What this task involves ::
Set down the listing below verbatim, but only from its first line through the line containing "#188=IFCSHAPEREPRESENTATION(#63,'Body','Tessellation',(#187));".

▼

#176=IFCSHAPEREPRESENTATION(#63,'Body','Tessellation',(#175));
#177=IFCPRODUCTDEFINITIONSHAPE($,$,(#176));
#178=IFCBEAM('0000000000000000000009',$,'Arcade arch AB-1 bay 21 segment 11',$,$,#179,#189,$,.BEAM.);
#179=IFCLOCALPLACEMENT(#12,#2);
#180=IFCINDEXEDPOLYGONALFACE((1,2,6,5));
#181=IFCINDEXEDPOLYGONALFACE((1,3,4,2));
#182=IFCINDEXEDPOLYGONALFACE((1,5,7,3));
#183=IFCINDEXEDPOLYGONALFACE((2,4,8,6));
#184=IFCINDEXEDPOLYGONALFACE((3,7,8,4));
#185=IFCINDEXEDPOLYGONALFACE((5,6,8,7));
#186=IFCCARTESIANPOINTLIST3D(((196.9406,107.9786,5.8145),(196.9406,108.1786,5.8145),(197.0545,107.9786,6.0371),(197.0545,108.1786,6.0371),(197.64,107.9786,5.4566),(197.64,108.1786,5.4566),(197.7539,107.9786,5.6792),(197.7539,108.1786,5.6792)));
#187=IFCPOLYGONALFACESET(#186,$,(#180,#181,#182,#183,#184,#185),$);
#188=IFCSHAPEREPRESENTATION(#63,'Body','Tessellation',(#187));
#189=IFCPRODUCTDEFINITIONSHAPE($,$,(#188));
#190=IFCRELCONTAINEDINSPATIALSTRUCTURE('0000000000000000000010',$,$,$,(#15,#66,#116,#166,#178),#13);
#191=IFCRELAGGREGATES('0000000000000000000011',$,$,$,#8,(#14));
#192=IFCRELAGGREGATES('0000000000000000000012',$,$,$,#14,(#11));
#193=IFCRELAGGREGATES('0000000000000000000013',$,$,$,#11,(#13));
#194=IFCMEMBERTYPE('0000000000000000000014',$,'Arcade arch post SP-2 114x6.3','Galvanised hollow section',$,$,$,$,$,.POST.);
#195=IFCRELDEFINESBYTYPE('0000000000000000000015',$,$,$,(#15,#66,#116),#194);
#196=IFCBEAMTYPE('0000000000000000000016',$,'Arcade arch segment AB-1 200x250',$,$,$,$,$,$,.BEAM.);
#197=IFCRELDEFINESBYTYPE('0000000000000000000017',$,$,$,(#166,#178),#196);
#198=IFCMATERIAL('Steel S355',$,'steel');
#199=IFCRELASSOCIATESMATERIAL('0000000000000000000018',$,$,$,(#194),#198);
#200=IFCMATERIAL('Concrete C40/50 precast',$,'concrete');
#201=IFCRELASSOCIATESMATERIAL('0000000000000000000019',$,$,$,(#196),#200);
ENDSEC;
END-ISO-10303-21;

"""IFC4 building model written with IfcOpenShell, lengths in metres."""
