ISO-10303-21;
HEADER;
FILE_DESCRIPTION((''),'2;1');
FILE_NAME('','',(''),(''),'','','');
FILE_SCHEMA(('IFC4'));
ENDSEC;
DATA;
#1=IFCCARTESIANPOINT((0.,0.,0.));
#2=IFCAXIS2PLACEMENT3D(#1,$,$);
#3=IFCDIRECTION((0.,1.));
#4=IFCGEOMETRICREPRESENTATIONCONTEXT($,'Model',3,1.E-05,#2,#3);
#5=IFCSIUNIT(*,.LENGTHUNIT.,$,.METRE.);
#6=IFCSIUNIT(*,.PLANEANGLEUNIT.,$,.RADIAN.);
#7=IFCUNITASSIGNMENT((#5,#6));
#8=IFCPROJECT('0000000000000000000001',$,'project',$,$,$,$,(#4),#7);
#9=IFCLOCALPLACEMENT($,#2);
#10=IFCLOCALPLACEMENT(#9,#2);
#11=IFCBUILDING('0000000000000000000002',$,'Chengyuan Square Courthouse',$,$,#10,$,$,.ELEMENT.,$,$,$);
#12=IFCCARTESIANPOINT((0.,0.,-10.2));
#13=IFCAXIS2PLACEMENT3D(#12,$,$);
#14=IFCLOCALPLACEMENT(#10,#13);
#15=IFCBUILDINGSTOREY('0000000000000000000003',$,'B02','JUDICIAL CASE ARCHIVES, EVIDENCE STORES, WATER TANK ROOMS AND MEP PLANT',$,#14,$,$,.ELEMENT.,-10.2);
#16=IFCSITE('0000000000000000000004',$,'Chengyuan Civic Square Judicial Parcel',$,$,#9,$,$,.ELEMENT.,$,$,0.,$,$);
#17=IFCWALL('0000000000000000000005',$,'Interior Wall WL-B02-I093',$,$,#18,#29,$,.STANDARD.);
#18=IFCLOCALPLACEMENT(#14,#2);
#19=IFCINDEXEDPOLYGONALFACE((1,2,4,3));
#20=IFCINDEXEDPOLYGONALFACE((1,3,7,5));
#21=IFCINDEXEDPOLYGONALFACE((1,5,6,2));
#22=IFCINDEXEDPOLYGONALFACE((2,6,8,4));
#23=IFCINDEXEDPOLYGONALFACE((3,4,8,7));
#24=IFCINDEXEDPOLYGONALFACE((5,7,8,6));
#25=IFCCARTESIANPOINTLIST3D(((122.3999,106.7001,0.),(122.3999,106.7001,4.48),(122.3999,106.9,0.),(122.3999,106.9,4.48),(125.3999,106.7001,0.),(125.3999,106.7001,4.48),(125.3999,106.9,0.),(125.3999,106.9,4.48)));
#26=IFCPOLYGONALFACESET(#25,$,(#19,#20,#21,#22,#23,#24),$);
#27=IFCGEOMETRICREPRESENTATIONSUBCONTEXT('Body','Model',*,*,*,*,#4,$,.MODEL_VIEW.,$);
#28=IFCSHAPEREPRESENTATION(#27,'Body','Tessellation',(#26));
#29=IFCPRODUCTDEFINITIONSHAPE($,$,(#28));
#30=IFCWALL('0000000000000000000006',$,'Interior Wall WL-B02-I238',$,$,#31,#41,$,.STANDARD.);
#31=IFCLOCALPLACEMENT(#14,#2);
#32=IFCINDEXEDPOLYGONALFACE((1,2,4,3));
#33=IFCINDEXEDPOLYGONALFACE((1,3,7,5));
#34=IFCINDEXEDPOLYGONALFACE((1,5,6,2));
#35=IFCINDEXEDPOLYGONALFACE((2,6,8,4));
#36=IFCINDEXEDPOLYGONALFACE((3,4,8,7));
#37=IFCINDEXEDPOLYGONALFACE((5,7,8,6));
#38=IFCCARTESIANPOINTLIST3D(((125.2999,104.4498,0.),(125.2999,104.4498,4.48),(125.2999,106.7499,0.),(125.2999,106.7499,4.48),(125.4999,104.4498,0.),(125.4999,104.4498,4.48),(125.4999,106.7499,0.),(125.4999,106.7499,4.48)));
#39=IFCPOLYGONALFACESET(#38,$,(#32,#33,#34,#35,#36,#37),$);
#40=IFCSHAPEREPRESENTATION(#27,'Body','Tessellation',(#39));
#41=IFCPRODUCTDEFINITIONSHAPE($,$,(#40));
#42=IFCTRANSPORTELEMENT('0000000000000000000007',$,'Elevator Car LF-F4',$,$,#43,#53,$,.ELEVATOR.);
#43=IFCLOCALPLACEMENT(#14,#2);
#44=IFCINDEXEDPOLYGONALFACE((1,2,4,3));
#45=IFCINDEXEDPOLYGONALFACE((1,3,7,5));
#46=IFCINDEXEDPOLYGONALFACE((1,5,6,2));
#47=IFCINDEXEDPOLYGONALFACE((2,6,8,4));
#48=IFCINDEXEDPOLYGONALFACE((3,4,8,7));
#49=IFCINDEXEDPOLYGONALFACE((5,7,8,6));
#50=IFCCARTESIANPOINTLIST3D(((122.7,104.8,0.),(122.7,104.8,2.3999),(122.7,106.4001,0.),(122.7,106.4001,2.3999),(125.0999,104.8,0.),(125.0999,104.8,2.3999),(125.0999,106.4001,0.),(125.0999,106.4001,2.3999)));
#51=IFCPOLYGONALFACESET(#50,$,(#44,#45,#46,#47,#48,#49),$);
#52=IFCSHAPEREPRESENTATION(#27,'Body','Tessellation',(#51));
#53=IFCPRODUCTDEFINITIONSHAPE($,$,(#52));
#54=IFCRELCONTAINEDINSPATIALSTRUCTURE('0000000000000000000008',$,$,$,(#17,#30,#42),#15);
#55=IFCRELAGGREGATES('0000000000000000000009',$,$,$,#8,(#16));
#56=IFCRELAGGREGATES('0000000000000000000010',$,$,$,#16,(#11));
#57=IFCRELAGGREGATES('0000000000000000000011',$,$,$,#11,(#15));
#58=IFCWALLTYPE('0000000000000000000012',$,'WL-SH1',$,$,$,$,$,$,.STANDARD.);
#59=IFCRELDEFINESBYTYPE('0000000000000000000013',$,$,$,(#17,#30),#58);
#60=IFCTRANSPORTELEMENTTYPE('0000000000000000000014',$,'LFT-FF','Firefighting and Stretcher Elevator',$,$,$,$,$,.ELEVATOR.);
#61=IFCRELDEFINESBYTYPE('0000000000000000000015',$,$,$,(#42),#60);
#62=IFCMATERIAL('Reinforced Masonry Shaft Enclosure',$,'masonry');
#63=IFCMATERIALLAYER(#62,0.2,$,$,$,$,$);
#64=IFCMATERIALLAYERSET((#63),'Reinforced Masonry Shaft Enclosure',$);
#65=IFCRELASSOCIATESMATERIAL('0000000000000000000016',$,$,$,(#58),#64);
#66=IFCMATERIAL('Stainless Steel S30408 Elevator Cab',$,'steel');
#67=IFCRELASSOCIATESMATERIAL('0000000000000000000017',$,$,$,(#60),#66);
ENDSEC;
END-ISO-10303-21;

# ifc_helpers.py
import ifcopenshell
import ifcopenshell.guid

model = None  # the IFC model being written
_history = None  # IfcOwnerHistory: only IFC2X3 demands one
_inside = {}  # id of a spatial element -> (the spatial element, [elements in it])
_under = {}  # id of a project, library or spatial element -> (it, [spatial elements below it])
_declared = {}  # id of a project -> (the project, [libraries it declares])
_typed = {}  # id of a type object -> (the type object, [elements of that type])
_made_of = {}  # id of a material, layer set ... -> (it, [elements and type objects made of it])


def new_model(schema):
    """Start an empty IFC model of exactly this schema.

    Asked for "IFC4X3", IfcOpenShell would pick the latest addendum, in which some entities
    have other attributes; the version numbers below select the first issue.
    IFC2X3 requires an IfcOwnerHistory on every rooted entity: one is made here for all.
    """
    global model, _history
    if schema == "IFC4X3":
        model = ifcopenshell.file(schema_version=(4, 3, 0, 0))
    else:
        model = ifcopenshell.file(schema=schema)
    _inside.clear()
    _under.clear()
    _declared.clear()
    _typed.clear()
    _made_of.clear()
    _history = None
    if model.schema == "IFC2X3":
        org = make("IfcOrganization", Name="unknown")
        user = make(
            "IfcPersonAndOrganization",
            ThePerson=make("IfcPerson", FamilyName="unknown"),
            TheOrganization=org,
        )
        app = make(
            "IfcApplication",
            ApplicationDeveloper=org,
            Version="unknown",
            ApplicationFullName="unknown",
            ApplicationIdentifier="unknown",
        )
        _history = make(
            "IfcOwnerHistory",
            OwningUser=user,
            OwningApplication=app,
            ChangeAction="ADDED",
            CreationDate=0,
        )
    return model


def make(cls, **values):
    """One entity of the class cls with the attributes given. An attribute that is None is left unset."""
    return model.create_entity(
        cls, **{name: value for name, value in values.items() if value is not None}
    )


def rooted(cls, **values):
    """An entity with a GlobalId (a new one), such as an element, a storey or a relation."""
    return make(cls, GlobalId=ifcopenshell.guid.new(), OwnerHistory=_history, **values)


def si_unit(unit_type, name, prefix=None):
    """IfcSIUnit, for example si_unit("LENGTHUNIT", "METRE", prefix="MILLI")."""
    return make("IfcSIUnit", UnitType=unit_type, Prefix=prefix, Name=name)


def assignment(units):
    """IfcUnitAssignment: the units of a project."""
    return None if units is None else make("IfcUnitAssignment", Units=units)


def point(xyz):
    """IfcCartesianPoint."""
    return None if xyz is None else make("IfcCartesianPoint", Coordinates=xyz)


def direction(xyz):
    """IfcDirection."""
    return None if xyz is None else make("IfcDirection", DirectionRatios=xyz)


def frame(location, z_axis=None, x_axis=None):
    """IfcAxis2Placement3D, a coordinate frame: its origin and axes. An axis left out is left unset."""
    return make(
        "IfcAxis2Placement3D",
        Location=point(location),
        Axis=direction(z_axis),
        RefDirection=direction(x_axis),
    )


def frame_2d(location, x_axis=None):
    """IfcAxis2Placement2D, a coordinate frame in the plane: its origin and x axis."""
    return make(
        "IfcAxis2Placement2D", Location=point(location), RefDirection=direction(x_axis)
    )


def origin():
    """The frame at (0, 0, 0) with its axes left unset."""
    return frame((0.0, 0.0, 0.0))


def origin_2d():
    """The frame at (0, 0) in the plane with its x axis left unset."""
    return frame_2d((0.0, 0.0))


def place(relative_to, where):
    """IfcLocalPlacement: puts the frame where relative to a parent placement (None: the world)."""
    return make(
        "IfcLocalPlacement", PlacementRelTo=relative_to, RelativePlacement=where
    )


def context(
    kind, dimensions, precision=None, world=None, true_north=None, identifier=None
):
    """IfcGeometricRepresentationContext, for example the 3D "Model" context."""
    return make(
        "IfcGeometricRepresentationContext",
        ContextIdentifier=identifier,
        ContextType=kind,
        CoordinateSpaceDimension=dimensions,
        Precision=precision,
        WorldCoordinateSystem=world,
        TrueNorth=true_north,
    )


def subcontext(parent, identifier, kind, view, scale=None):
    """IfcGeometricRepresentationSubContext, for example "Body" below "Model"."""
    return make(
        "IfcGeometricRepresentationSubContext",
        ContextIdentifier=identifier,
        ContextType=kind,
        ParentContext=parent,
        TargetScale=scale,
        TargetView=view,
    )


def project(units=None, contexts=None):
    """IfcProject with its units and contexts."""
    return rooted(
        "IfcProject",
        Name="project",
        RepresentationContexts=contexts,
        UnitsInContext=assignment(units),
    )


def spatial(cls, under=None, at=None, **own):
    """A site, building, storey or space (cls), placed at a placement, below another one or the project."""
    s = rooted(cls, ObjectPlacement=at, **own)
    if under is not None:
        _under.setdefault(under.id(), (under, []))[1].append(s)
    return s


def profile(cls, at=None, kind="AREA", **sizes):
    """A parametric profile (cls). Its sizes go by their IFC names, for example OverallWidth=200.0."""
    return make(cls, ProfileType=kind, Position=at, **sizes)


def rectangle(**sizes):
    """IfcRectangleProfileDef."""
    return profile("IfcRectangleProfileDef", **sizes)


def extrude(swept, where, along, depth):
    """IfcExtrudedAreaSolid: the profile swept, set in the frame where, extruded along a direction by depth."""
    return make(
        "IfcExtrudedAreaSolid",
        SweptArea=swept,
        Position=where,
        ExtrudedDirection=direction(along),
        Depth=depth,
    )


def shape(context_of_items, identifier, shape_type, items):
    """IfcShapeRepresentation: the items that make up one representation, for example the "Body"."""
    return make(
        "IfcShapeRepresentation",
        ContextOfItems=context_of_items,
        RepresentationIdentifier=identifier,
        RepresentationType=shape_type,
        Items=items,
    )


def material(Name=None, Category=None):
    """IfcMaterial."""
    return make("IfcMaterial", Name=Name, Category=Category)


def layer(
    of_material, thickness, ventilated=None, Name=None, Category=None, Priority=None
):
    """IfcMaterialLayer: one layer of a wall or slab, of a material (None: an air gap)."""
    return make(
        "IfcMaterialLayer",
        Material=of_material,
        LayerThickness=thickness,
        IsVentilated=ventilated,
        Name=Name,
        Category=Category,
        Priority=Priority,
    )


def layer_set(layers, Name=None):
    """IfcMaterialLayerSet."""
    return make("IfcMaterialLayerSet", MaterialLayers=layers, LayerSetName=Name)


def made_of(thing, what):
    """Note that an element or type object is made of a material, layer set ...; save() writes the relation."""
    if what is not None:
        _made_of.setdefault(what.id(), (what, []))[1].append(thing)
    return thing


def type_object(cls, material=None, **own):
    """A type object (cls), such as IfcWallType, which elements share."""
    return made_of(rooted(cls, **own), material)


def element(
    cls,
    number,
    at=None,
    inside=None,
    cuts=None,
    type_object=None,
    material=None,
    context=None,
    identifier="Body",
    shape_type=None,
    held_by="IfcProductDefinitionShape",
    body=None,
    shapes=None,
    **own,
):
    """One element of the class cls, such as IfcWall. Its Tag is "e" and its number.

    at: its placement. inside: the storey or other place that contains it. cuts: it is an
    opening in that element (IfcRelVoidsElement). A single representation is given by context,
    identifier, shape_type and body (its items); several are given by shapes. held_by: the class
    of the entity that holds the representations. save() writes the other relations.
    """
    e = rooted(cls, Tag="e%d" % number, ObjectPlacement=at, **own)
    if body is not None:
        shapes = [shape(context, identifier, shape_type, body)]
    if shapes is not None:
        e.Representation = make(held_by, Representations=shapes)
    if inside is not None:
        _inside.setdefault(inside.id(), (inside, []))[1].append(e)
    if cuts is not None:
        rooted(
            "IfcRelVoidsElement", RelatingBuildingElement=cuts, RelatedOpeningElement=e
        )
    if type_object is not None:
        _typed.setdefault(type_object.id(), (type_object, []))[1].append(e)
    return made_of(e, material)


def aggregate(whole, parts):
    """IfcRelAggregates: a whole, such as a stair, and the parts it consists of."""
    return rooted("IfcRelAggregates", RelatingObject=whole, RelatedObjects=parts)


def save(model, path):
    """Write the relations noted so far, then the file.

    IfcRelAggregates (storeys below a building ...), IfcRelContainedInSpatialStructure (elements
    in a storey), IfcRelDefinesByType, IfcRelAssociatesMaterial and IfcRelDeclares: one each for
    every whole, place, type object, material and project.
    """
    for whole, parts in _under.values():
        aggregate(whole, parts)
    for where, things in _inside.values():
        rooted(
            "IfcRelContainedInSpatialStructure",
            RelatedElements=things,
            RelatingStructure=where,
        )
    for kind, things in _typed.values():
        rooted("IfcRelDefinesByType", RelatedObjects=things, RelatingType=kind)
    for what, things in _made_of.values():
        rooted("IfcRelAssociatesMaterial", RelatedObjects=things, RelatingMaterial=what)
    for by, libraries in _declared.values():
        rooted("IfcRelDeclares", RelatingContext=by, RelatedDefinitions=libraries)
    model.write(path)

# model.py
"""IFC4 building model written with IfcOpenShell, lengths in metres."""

from ifc_helpers import new_model, si_unit, direction, frame, frame_2d, origin, origin_2d, place, context, subcontext, project, spatial, rectangle, extrude, material, layer, layer_set, type_object, element, save


model = new_model("IFC4")

# Units and contexts
model_context = context("Model", 3, precision=1e-05, world=origin(), true_north=direction((0.0, 1.0)))
body_context = subcontext(model_context, "Body", "Model", "MODEL_VIEW")
ifc_project = project(units=[si_unit("LENGTHUNIT", "METRE"), si_unit("PLANEANGLEUNIT", "RADIAN")], contexts=[model_context])

# Site, building, storey
site_placement = place(None, origin())
site = spatial("IfcSite", under=ifc_project, at=site_placement, Name="Chengyuan Civic Square Judicial Parcel", CompositionType="ELEMENT", RefElevation=0.0)
building_placement = place(site_placement, origin())
building = spatial("IfcBuilding", under=site, at=building_placement, Name="Chengyuan Square Courthouse", CompositionType="ELEMENT")
storey_placement = place(building_placement, frame((0.0, 0.0, -10.2)))
storey = spatial("IfcBuildingStorey", under=building, at=storey_placement, Name="B02", Description="JUDICIAL CASE ARCHIVES, EVIDENCE STORES, WATER TANK ROOMS AND MEP PLANT", CompositionType="ELEMENT", Elevation=-10.2)

# Walls
ifc_material_1 = material(Name="Reinforced Masonry Shaft Enclosure", Category="masonry")
ifc_layer_1 = layer(ifc_material_1, 0.2)
ifc_layer_set_1 = layer_set([ifc_layer_1], Name="Reinforced Masonry Shaft Enclosure")
wall_type_1 = type_object("IfcWallType", Name="WL-SH1", PredefinedType="STANDARD", material=ifc_layer_set_1)
wall_1_placement = place(storey_placement, frame((122.3999, 106.8, 0.0), z_axis=(0.0, 0.0, 1.0), x_axis=(1.0, 0.0, 0.0)))
element("IfcWall", 1, at=wall_1_placement, inside=storey, type_object=wall_type_1, Name="Interior Wall WL-B02-I093", PredefinedType="STANDARD", context=body_context, shape_type="SweptSolid", body=[
    extrude(rectangle(XDim=3.0, YDim=0.2, at=frame_2d((1.5, 0.0))), origin(), (0.0, 0.0, 1.0), 4.48),
])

▲

Result of this exercise ::
#176=IFCSHAPEREPRESENTATION(#63,'Body','Tessellation',(#175));
#177=IFCPRODUCTDEFINITIONSHAPE($,$,(#176));
#178=IFCBEAM('0000000000000000000009',$,'Arcade arch AB-1 bay 21 segment 11',$,$,#179,#189,$,.BEAM.);
#179=IFCLOCALPLACEMENT(#12,#2);
#180=IFCINDEXEDPOLYGONALFACE((1,2,6,5));
#181=IFCINDEXEDPOLYGONALFACE((1,3,4,2));
#182=IFCINDEXEDPOLYGONALFACE((1,5,7,3));
#183=IFCINDEXEDPOLYGONALFACE((2,4,8,6));
#184=IFCINDEXEDPOLYGONALFACE((3,7,8,4));
#185=IFCINDEXEDPOLYGONALFACE((5,6,8,7));
#186=IFCCARTESIANPOINTLIST3D(((196.9406,107.9786,5.8145),(196.9406,108.1786,5.8145),(197.0545,107.9786,6.0371),(197.0545,108.1786,6.0371),(197.64,107.9786,5.4566),(197.64,108.1786,5.4566),(197.7539,107.9786,5.6792),(197.7539,108.1786,5.6792)));
#187=IFCPOLYGONALFACESET(#186,$,(#180,#181,#182,#183,#184,#185),$);
#188=IFCSHAPEREPRESENTATION(#63,'Body','Tessellation',(#187));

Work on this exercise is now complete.